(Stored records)
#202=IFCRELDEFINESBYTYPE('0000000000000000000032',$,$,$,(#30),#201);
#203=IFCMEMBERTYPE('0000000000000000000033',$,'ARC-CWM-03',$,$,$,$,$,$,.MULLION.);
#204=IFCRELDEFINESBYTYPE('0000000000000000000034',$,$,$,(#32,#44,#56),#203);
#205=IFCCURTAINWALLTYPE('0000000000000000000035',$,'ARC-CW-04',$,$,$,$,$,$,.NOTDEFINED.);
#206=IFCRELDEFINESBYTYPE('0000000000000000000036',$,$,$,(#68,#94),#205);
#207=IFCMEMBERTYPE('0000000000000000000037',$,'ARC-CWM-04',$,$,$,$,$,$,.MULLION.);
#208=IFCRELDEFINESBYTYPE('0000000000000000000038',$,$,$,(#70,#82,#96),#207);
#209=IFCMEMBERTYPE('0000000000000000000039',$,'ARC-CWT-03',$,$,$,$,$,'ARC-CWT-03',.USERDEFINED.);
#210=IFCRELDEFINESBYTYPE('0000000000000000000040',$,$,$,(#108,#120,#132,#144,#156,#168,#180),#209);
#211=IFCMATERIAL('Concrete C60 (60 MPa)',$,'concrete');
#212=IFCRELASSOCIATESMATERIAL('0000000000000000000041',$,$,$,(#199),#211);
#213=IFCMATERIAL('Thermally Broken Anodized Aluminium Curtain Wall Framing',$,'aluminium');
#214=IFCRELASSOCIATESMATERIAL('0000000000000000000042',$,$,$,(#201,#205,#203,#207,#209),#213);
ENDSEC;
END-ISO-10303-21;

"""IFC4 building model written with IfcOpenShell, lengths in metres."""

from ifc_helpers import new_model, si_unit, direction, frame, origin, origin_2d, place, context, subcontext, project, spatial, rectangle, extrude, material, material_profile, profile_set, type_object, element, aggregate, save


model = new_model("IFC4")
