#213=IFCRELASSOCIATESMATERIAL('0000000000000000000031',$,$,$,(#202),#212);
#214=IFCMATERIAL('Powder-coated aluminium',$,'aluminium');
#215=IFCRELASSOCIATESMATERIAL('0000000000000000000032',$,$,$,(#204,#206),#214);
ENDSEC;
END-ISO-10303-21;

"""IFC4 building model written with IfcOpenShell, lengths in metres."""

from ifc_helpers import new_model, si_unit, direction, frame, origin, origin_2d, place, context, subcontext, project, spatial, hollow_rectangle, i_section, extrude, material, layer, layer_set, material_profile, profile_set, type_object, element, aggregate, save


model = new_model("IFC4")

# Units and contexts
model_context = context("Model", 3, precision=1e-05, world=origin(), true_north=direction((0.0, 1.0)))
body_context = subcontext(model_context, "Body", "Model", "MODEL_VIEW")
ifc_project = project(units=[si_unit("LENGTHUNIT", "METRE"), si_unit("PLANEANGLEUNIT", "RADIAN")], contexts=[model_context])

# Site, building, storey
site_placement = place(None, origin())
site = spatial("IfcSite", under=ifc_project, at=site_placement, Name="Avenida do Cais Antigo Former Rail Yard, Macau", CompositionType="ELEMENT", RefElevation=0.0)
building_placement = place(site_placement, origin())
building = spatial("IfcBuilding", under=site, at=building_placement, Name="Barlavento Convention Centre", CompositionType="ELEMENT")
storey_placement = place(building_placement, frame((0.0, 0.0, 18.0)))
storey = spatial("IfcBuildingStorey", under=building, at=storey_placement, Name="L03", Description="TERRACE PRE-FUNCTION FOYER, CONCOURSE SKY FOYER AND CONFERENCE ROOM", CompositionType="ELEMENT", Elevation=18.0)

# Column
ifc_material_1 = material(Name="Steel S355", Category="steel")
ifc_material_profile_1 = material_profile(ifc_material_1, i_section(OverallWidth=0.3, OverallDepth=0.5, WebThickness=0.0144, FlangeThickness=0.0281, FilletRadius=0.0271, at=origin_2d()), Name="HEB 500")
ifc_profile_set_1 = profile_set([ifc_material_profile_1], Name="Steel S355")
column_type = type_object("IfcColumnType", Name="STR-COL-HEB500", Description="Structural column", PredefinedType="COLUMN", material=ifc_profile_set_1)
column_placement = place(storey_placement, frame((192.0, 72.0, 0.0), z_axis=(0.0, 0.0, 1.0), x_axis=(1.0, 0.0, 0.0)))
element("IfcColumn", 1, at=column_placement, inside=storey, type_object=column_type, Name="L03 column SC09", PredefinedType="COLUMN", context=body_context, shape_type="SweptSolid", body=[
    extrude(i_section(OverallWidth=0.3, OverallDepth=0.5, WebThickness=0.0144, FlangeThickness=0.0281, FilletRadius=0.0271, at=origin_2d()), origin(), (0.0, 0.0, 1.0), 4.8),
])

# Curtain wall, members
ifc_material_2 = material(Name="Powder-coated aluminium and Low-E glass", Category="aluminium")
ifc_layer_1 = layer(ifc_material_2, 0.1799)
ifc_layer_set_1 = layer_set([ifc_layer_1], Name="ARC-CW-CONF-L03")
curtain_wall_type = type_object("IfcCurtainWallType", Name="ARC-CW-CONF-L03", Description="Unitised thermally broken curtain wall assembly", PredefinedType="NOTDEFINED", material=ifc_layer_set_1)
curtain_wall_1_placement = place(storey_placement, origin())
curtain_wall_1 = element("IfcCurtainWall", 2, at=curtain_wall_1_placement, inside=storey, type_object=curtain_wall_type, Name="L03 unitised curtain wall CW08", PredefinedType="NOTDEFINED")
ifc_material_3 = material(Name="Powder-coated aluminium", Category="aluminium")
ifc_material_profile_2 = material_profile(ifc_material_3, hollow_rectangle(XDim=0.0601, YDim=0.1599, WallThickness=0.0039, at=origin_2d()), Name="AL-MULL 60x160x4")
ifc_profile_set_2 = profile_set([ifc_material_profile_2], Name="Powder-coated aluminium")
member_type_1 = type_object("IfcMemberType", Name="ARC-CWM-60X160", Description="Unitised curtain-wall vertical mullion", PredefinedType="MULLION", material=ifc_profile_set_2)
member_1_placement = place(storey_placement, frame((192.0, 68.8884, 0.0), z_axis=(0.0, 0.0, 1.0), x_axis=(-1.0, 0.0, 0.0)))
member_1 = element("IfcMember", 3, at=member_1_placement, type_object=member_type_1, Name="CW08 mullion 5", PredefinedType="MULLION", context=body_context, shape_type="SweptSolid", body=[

PROMPT: Scan the entries above for the line containing "aluminium and Low-E", and copy it and all lines after it exactly, down to and including the line containing "curtain_wall_1_placement = place(storey_placement, origin())".

RESPONSE TO THIS EXERCISE:
ifc_material_2 = material(Name="Powder-coated aluminium and Low-E glass", Category="aluminium")
ifc_layer_1 = layer(ifc_material_2, 0.1799)
ifc_layer_set_1 = layer_set([ifc_layer_1], Name="ARC-CW-CONF-L03")
curtain_wall_type = type_object("IfcCurtainWallType", Name="ARC-CW-CONF-L03", Description="Unitised thermally broken curtain wall assembly", PredefinedType="NOTDEFINED", material=ifc_layer_set_1)
curtain_wall_1_placement = place(storey_placement, origin())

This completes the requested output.